(Stored items)
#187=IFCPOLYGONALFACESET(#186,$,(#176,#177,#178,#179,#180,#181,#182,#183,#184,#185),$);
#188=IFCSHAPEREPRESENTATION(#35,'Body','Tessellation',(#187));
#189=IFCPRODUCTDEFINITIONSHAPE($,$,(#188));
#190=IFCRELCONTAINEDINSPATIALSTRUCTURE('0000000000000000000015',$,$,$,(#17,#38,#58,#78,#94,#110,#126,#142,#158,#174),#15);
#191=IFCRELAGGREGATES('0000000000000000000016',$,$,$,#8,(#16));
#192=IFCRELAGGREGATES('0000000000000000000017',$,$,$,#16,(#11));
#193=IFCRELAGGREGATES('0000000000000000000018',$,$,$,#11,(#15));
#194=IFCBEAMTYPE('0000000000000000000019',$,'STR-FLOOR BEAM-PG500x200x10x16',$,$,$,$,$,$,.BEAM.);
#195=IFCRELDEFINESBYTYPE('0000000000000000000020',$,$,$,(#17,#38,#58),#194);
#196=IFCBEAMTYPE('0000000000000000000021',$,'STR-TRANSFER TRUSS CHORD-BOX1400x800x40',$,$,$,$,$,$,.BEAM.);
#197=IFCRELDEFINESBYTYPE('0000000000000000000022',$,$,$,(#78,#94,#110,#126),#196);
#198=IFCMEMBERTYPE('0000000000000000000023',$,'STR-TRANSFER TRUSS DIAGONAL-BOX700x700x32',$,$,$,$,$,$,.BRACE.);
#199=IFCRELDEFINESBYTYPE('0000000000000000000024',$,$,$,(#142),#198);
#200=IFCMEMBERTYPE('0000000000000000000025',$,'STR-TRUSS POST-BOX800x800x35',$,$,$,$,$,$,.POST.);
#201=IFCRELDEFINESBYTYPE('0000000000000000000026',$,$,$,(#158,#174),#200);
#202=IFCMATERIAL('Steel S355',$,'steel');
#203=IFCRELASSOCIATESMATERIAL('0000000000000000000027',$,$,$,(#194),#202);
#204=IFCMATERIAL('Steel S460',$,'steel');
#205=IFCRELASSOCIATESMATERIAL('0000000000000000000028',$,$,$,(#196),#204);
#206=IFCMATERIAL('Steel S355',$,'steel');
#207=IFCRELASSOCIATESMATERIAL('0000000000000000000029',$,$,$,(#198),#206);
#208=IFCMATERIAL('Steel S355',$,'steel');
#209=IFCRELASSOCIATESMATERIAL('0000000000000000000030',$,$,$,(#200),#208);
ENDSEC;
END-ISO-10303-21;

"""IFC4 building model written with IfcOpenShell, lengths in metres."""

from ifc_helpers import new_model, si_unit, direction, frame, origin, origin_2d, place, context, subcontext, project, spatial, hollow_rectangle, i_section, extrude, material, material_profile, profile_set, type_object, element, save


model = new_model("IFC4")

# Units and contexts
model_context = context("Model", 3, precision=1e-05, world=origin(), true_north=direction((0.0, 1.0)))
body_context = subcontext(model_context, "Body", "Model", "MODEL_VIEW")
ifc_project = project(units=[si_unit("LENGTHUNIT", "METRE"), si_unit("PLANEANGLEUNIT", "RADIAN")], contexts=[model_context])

WHAT YOU HAVE TO DO: Copy, please, exactly the lines that start at the first line of the data and end at the line containing "building model written", both kept and no others.

EXERCISE ANSWER:
#187=IFCPOLYGONALFACESET(#186,$,(#176,#177,#178,#179,#180,#181,#182,#183,#184,#185),$);
#188=IFCSHAPEREPRESENTATION(#35,'Body','Tessellation',(#187));
#189=IFCPRODUCTDEFINITIONSHAPE($,$,(#188));
#190=IFCRELCONTAINEDINSPATIALSTRUCTURE('0000000000000000000015',$,$,$,(#17,#38,#58,#78,#94,#110,#126,#142,#158,#174),#15);
#191=IFCRELAGGREGATES('0000000000000000000016',$,$,$,#8,(#16));
#192=IFCRELAGGREGATES('0000000000000000000017',$,$,$,#16,(#11));
#193=IFCRELAGGREGATES('0000000000000000000018',$,$,$,#11,(#15));
#194=IFCBEAMTYPE('0000000000000000000019',$,'STR-FLOOR BEAM-PG500x200x10x16',$,$,$,$,$,$,.BEAM.);
#195=IFCRELDEFINESBYTYPE('0000000000000000000020',$,$,$,(#17,#38,#58),#194);
#196=IFCBEAMTYPE('0000000000000000000021',$,'STR-TRANSFER TRUSS CHORD-BOX1400x800x40',$,$,$,$,$,$,.BEAM.);
#197=IFCRELDEFINESBYTYPE('0000000000000000000022',$,$,$,(#78,#94,#110,#126),#196);
#198=IFCMEMBERTYPE('0000000000000000000023',$,'STR-TRANSFER TRUSS DIAGONAL-BOX700x700x32',$,$,$,$,$,$,.BRACE.);
#199=IFCRELDEFINESBYTYPE('0000000000000000000024',$,$,$,(#142),#198);
#200=IFCMEMBERTYPE('0000000000000000000025',$,'STR-TRUSS POST-BOX800x800x35',$,$,$,$,$,$,.POST.);
#201=IFCRELDEFINESBYTYPE('0000000000000000000026',$,$,$,(#158,#174),#200);
#202=IFCMATERIAL('Steel S355',$,'steel');
#203=IFCRELASSOCIATESMATERIAL('0000000000000000000027',$,$,$,(#194),#202);
#204=IFCMATERIAL('Steel S460',$,'steel');
#205=IFCRELASSOCIATESMATERIAL('0000000000000000000028',$,$,$,(#196),#204);
#206=IFCMATERIAL('Steel S355',$,'steel');
#207=IFCRELASSOCIATESMATERIAL('0000000000000000000029',$,$,$,(#198),#206);
#208=IFCMATERIAL('Steel S355',$,'steel');
#209=IFCRELASSOCIATESMATERIAL('0000000000000000000030',$,$,$,(#200),#208);
ENDSEC;
END-ISO-10303-21;

"""IFC4 building model written with IfcOpenShell, lengths in metres."""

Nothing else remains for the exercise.